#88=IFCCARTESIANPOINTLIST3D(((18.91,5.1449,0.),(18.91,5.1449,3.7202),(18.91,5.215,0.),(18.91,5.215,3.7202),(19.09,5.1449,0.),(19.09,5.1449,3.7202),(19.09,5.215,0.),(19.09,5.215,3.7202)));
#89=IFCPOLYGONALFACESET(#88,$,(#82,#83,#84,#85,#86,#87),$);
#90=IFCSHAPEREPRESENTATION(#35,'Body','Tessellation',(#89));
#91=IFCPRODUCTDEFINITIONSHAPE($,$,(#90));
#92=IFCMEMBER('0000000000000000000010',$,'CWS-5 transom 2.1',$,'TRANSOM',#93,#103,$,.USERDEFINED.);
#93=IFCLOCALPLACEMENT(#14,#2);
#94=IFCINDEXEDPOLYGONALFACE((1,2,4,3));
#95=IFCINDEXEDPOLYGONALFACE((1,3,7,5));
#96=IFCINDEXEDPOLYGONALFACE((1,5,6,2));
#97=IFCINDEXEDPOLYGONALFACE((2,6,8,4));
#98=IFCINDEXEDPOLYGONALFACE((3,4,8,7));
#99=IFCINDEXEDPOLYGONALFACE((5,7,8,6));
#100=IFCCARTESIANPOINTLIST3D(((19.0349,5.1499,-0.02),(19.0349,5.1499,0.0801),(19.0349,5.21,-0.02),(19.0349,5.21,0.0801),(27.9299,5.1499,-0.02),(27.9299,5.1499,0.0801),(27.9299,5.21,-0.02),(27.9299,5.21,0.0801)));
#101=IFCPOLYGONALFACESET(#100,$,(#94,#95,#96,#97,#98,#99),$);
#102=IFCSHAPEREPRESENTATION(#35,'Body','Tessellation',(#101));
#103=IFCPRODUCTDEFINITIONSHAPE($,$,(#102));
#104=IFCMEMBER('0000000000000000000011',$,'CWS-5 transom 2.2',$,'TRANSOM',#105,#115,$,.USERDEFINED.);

▬▬▬

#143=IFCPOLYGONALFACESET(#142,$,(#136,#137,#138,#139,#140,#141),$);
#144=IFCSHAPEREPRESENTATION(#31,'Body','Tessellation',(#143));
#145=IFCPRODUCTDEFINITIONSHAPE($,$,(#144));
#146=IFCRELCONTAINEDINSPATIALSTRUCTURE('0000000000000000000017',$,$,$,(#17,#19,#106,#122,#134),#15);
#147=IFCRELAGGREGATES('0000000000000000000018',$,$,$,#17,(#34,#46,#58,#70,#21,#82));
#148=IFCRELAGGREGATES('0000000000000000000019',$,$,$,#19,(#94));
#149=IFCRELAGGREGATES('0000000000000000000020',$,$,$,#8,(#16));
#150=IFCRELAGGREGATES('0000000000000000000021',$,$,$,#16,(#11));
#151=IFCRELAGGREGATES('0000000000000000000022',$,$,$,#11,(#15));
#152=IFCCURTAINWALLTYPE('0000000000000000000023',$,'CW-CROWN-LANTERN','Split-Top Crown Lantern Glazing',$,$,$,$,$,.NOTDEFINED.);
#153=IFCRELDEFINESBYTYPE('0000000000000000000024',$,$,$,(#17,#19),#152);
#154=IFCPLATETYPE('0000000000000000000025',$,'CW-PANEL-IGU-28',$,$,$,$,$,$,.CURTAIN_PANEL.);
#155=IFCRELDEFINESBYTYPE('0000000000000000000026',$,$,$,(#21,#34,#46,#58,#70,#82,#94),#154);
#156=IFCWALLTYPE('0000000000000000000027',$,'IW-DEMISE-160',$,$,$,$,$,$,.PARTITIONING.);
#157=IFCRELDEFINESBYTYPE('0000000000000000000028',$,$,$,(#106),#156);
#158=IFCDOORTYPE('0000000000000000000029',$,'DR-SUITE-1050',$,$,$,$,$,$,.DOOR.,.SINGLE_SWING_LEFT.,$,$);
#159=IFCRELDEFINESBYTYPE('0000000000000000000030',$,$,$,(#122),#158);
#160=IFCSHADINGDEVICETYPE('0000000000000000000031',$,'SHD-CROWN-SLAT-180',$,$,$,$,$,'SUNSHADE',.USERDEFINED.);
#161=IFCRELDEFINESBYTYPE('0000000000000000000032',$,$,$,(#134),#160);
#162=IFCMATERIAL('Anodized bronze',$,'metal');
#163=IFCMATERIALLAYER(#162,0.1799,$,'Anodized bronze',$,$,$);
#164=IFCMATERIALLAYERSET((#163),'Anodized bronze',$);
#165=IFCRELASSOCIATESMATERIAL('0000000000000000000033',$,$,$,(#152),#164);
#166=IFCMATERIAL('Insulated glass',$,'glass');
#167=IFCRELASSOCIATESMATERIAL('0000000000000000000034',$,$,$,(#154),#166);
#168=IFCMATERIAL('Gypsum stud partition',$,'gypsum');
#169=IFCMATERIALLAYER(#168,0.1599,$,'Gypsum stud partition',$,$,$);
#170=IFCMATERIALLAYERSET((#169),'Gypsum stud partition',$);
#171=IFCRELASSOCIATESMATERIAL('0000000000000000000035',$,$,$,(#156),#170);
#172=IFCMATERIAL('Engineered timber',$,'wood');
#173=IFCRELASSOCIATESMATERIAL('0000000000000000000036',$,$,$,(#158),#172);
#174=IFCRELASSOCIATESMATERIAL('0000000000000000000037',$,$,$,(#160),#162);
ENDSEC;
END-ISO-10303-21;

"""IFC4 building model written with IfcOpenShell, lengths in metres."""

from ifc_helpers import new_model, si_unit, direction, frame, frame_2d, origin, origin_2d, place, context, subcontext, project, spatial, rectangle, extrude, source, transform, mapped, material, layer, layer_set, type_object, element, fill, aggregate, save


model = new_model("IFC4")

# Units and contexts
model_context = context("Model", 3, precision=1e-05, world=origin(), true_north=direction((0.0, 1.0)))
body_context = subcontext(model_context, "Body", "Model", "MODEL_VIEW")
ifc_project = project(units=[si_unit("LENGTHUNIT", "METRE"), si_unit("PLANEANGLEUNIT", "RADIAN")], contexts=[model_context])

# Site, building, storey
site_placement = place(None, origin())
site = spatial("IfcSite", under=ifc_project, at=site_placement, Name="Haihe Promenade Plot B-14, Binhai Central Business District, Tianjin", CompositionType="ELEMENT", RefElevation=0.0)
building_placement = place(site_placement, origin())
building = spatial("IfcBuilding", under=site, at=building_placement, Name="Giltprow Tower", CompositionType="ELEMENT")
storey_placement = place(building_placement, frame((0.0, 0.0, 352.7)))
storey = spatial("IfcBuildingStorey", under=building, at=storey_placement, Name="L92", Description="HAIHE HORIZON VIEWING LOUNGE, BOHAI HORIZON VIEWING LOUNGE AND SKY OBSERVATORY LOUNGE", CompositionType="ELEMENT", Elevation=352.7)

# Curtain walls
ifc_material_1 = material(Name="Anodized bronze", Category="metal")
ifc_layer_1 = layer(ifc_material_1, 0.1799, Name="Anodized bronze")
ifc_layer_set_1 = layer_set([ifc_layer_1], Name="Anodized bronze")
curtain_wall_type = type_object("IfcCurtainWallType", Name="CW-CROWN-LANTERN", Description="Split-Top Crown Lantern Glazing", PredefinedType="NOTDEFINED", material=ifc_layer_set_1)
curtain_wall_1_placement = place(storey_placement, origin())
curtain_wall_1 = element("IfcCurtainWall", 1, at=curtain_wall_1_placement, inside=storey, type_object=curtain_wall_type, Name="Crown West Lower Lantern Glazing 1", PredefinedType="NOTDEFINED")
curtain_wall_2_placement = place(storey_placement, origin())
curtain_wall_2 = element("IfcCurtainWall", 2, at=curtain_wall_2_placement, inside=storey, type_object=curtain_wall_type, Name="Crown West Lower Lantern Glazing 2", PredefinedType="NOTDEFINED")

▬▬▬

- [The problem]:
Give back exactly the lines of the listing above that run from the line with "from ifc_helpers import" to the line with "curtain_wall_2_placement = place(storey_placement, origin())", inclusive.

- [Response area]:
from ifc_helpers import new_model, si_unit, direction, frame, frame_2d, origin, origin_2d, place, context, subcontext, project, spatial, rectangle, extrude, source, transform, mapped, material, layer, layer_set, type_object, element, fill, aggregate, save


model = new_model("IFC4")

# Units and contexts
model_context = context("Model", 3, precision=1e-05, world=origin(), true_north=direction((0.0, 1.0)))
body_context = subcontext(model_context, "Body", "Model", "MODEL_VIEW")
ifc_project = project(units=[si_unit("LENGTHUNIT", "METRE"), si_unit("PLANEANGLEUNIT", "RADIAN")], contexts=[model_context])

# Site, building, storey
site_placement = place(None, origin())
site = spatial("IfcSite", under=ifc_project, at=site_placement, Name="Haihe Promenade Plot B-14, Binhai Central Business District, Tianjin", CompositionType="ELEMENT", RefElevation=0.0)
building_placement = place(site_placement, origin())
building = spatial("IfcBuilding", under=site, at=building_placement, Name="Giltprow Tower", CompositionType="ELEMENT")
storey_placement = place(building_placement, frame((0.0, 0.0, 352.7)))
storey = spatial("IfcBuildingStorey", under=building, at=storey_placement, Name="L92", Description="HAIHE HORIZON VIEWING LOUNGE, BOHAI HORIZON VIEWING LOUNGE AND SKY OBSERVATORY LOUNGE", CompositionType="ELEMENT", Elevation=352.7)

# Curtain walls
ifc_material_1 = material(Name="Anodized bronze", Category="metal")
ifc_layer_1 = layer(ifc_material_1, 0.1799, Name="Anodized bronze")
ifc_layer_set_1 = layer_set([ifc_layer_1], Name="Anodized bronze")
curtain_wall_type = type_object("IfcCurtainWallType", Name="CW-CROWN-LANTERN", Description="Split-Top Crown Lantern Glazing", PredefinedType="NOTDEFINED", material=ifc_layer_set_1)
curtain_wall_1_placement = place(storey_placement, origin())
curtain_wall_1 = element("IfcCurtainWall", 1, at=curtain_wall_1_placement, inside=storey, type_object=curtain_wall_type, Name="Crown West Lower Lantern Glazing 1", PredefinedType="NOTDEFINED")
curtain_wall_2_placement = place(storey_placement, origin())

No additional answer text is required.